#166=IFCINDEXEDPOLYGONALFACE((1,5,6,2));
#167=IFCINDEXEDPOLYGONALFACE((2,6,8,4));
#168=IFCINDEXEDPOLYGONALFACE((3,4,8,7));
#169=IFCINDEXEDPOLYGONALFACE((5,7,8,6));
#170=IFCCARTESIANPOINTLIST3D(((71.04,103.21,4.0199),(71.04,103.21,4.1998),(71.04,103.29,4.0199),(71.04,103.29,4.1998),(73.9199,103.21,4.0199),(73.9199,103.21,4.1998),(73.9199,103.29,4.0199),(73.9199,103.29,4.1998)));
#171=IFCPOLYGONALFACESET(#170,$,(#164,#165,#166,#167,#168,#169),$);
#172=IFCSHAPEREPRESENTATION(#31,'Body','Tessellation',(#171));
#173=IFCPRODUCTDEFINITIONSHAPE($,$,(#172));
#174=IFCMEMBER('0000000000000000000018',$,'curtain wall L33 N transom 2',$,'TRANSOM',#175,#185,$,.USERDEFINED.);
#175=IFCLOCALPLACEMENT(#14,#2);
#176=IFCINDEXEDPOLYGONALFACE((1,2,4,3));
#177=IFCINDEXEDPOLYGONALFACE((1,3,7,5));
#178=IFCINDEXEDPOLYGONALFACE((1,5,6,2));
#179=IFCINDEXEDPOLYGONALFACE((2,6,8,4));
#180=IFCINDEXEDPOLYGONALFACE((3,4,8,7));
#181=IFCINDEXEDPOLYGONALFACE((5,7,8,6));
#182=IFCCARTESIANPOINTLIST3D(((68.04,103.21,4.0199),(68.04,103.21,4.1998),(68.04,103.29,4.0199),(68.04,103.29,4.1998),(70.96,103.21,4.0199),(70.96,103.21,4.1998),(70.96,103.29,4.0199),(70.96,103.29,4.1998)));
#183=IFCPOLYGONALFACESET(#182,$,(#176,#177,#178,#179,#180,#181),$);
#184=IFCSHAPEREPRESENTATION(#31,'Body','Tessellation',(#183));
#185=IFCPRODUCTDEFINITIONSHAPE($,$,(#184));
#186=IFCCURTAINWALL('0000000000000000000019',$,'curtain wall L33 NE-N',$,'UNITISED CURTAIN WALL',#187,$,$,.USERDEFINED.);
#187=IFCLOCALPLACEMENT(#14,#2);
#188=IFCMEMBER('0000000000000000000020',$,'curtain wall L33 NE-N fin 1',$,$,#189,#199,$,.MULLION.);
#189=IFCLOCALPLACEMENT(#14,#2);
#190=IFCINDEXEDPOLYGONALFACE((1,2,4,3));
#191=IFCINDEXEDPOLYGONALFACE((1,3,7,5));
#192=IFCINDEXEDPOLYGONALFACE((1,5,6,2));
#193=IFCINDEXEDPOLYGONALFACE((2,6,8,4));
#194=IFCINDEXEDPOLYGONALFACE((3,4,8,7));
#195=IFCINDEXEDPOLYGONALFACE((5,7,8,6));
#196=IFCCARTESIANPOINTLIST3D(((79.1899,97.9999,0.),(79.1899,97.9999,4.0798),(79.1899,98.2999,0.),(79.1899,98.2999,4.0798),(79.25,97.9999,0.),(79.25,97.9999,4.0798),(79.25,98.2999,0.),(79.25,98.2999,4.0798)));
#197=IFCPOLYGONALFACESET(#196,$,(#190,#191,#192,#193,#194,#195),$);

┄┄┄┄┄┄┄┄┄┄┄┄┄┄┄┄┄┄┄┄

* **PROBLEM**: Nothing should be dropped. Retype each line above as it is.

* **TASK RESULT**:
#166=IFCINDEXEDPOLYGONALFACE((1,5,6,2));
#167=IFCINDEXEDPOLYGONALFACE((2,6,8,4));
#168=IFCINDEXEDPOLYGONALFACE((3,4,8,7));
#169=IFCINDEXEDPOLYGONALFACE((5,7,8,6));
#170=IFCCARTESIANPOINTLIST3D(((71.04,103.21,4.0199),(71.04,103.21,4.1998),(71.04,103.29,4.0199),(71.04,103.29,4.1998),(73.9199,103.21,4.0199),(73.9199,103.21,4.1998),(73.9199,103.29,4.0199),(73.9199,103.29,4.1998)));
#171=IFCPOLYGONALFACESET(#170,$,(#164,#165,#166,#167,#168,#169),$);
#172=IFCSHAPEREPRESENTATION(#31,'Body','Tessellation',(#171));
#173=IFCPRODUCTDEFINITIONSHAPE($,$,(#172));
#174=IFCMEMBER('0000000000000000000018',$,'curtain wall L33 N transom 2',$,'TRANSOM',#175,#185,$,.USERDEFINED.);
#175=IFCLOCALPLACEMENT(#14,#2);
#176=IFCINDEXEDPOLYGONALFACE((1,2,4,3));
#177=IFCINDEXEDPOLYGONALFACE((1,3,7,5));
#178=IFCINDEXEDPOLYGONALFACE((1,5,6,2));
#179=IFCINDEXEDPOLYGONALFACE((2,6,8,4));
#180=IFCINDEXEDPOLYGONALFACE((3,4,8,7));
#181=IFCINDEXEDPOLYGONALFACE((5,7,8,6));
#182=IFCCARTESIANPOINTLIST3D(((68.04,103.21,4.0199),(68.04,103.21,4.1998),(68.04,103.29,4.0199),(68.04,103.29,4.1998),(70.96,103.21,4.0199),(70.96,103.21,4.1998),(70.96,103.29,4.0199),(70.96,103.29,4.1998)));
#183=IFCPOLYGONALFACESET(#182,$,(#176,#177,#178,#179,#180,#181),$);
#184=IFCSHAPEREPRESENTATION(#31,'Body','Tessellation',(#183));
#185=IFCPRODUCTDEFINITIONSHAPE($,$,(#184));
#186=IFCCURTAINWALL('0000000000000000000019',$,'curtain wall L33 NE-N',$,'UNITISED CURTAIN WALL',#187,$,$,.USERDEFINED.);
#187=IFCLOCALPLACEMENT(#14,#2);
#188=IFCMEMBER('0000000000000000000020',$,'curtain wall L33 NE-N fin 1',$,$,#189,#199,$,.MULLION.);
#189=IFCLOCALPLACEMENT(#14,#2);
#190=IFCINDEXEDPOLYGONALFACE((1,2,4,3));
#191=IFCINDEXEDPOLYGONALFACE((1,3,7,5));
#192=IFCINDEXEDPOLYGONALFACE((1,5,6,2));
#193=IFCINDEXEDPOLYGONALFACE((2,6,8,4));
#194=IFCINDEXEDPOLYGONALFACE((3,4,8,7));
#195=IFCINDEXEDPOLYGONALFACE((5,7,8,6));
#196=IFCCARTESIANPOINTLIST3D(((79.1899,97.9999,0.),(79.1899,97.9999,4.0798),(79.1899,98.2999,0.),(79.1899,98.2999,4.0798),(79.25,97.9999,0.),(79.25,97.9999,4.0798),(79.25,98.2999,0.),(79.25,98.2999,4.0798)));
#197=IFCPOLYGONALFACESET(#196,$,(#190,#191,#192,#193,#194,#195),$);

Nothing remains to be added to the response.